[Data]
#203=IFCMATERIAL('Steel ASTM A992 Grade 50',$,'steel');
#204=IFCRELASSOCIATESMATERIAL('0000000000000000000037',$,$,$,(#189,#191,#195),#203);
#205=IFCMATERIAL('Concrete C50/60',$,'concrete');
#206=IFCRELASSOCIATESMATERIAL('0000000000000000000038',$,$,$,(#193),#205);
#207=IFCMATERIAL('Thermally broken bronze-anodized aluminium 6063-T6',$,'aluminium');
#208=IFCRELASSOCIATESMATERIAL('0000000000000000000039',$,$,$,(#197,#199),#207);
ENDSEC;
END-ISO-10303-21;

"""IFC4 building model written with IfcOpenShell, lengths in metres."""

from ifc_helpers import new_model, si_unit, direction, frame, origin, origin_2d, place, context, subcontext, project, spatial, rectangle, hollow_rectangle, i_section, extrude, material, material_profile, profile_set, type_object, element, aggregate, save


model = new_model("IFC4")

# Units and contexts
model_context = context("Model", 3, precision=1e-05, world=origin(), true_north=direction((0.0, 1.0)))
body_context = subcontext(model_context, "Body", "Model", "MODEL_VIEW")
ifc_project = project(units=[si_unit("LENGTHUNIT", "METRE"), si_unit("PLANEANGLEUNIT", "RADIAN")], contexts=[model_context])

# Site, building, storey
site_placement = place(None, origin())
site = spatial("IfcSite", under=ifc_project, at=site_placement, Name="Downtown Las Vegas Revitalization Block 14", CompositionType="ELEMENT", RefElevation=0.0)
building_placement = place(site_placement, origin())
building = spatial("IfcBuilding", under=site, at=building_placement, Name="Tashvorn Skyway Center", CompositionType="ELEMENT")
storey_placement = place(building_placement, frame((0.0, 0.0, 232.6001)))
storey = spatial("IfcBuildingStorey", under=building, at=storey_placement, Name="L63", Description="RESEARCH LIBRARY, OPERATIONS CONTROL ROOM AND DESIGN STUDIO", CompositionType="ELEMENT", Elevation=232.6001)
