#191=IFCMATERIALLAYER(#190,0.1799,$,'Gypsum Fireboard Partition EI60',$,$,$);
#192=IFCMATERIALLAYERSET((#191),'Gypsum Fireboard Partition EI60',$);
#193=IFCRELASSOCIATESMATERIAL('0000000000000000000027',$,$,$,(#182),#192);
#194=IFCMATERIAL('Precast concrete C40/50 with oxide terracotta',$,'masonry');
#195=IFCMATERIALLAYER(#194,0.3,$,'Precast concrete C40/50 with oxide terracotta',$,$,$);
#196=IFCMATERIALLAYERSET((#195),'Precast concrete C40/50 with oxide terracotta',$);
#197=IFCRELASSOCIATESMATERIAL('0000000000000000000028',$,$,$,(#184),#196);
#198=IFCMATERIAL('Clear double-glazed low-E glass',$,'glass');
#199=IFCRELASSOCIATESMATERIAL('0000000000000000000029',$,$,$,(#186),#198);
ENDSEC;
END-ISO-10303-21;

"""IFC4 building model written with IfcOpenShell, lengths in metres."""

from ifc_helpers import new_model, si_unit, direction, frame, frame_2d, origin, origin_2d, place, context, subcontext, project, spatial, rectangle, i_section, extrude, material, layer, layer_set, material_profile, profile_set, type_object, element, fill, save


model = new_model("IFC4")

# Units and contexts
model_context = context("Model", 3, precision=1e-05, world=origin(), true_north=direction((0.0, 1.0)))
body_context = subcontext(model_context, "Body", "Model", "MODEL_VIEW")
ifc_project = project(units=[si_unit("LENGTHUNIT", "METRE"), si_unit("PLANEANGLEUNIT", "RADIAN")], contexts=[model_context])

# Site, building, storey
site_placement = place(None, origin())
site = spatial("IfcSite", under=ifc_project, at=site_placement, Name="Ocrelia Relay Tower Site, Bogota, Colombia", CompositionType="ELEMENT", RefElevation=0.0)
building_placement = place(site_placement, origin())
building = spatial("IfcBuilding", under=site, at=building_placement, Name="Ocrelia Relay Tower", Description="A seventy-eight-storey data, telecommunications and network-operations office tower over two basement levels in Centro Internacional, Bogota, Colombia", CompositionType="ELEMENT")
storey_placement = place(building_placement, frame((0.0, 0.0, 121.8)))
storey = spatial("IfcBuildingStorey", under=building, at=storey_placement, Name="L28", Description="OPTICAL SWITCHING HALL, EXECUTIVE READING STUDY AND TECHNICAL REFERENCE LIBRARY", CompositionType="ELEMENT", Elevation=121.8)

[Required work]
Retype each of the records, word for word, with nothing added or dropped.

[Response area]
#203=IFCMATERIAL('Steel ASTM A992 Grade 50',$,'steel');
#204=IFCRELASSOCIATESMATERIAL('0000000000000000000037',$,$,$,(#189,#191,#195),#203);
#205=IFCMATERIAL('Concrete C50/60',$,'concrete');
#206=IFCRELASSOCIATESMATERIAL('0000000000000000000038',$,$,$,(#193),#205);
#207=IFCMATERIAL('Thermally broken bronze-anodized aluminium 6063-T6',$,'aluminium');
#208=IFCRELASSOCIATESMATERIAL('0000000000000000000039',$,$,$,(#197,#199),#207);
ENDSEC;
END-ISO-10303-21;

"""IFC4 building model written with IfcOpenShell, lengths in metres."""

from ifc_helpers import new_model, si_unit, direction, frame, origin, origin_2d, place, context, subcontext, project, spatial, rectangle, hollow_rectangle, i_section, extrude, material, material_profile, profile_set, type_object, element, aggregate, save


model = new_model("IFC4")

# Units and contexts
model_context = context("Model", 3, precision=1e-05, world=origin(), true_north=direction((0.0, 1.0)))
body_context = subcontext(model_context, "Body", "Model", "MODEL_VIEW")
ifc_project = project(units=[si_unit("LENGTHUNIT", "METRE"), si_unit("PLANEANGLEUNIT", "RADIAN")], contexts=[model_context])

# Site, building, storey
site_placement = place(None, origin())
site = spatial("IfcSite", under=ifc_project, at=site_placement, Name="Downtown Las Vegas Revitalization Block 14", CompositionType="ELEMENT", RefElevation=0.0)
building_placement = place(site_placement, origin())
building = spatial("IfcBuilding", under=site, at=building_placement, Name="Tashvorn Skyway Center", CompositionType="ELEMENT")
storey_placement = place(building_placement, frame((0.0, 0.0, 232.6001)))
storey = spatial("IfcBuildingStorey", under=building, at=storey_placement, Name="L63", Description="RESEARCH LIBRARY, OPERATIONS CONTROL ROOM AND DESIGN STUDIO", CompositionType="ELEMENT", Elevation=232.6001)
#191=IFCMATERIALLAYER(#190,0.1799,$,'Gypsum Fireboard Partition EI60',$,$,$);
#192=IFCMATERIALLAYERSET((#191),'Gypsum Fireboard Partition EI60',$);
#193=IFCRELASSOCIATESMATERIAL('0000000000000000000027',$,$,$,(#182),#192);
#194=IFCMATERIAL('Precast concrete C40/50 with oxide terracotta',$,'masonry');
#195=IFCMATERIALLAYER(#194,0.3,$,'Precast concrete C40/50 with oxide terracotta',$,$,$);
#196=IFCMATERIALLAYERSET((#195),'Precast concrete C40/50 with oxide terracotta',$);
#197=IFCRELASSOCIATESMATERIAL('0000000000000000000028',$,$,$,(#184),#196);
#198=IFCMATERIAL('Clear double-glazed low-E glass',$,'glass');
#199=IFCRELASSOCIATESMATERIAL('0000000000000000000029',$,$,$,(#186),#198);
ENDSEC;
END-ISO-10303-21;

"""IFC4 building model written with IfcOpenShell, lengths in metres."""

from ifc_helpers import new_model, si_unit, direction, frame, frame_2d, origin, origin_2d, place, context, subcontext, project, spatial, rectangle, i_section, extrude, material, layer, layer_set, material_profile, profile_set, type_object, element, fill, save


model = new_model("IFC4")

# Units and contexts
model_context = context("Model", 3, precision=1e-05, world=origin(), true_north=direction((0.0, 1.0)))
body_context = subcontext(model_context, "Body", "Model", "MODEL_VIEW")
ifc_project = project(units=[si_unit("LENGTHUNIT", "METRE"), si_unit("PLANEANGLEUNIT", "RADIAN")], contexts=[model_context])

# Site, building, storey
site_placement = place(None, origin())
site = spatial("IfcSite", under=ifc_project, at=site_placement, Name="Ocrelia Relay Tower Site, Bogota, Colombia", CompositionType="ELEMENT", RefElevation=0.0)
building_placement = place(site_placement, origin())
building = spatial("IfcBuilding", under=site, at=building_placement, Name="Ocrelia Relay Tower", Description="A seventy-eight-storey data, telecommunications and network-operations office tower over two basement levels in Centro Internacional, Bogota, Colombia", CompositionType="ELEMENT")
storey_placement = place(building_placement, frame((0.0, 0.0, 121.8)))
storey = spatial("IfcBuildingStorey", under=building, at=storey_placement, Name="L28", Description="OPTICAL SWITCHING HALL, EXECUTIVE READING STUDY AND TECHNICAL REFERENCE LIBRARY", CompositionType="ELEMENT", Elevation=121.8)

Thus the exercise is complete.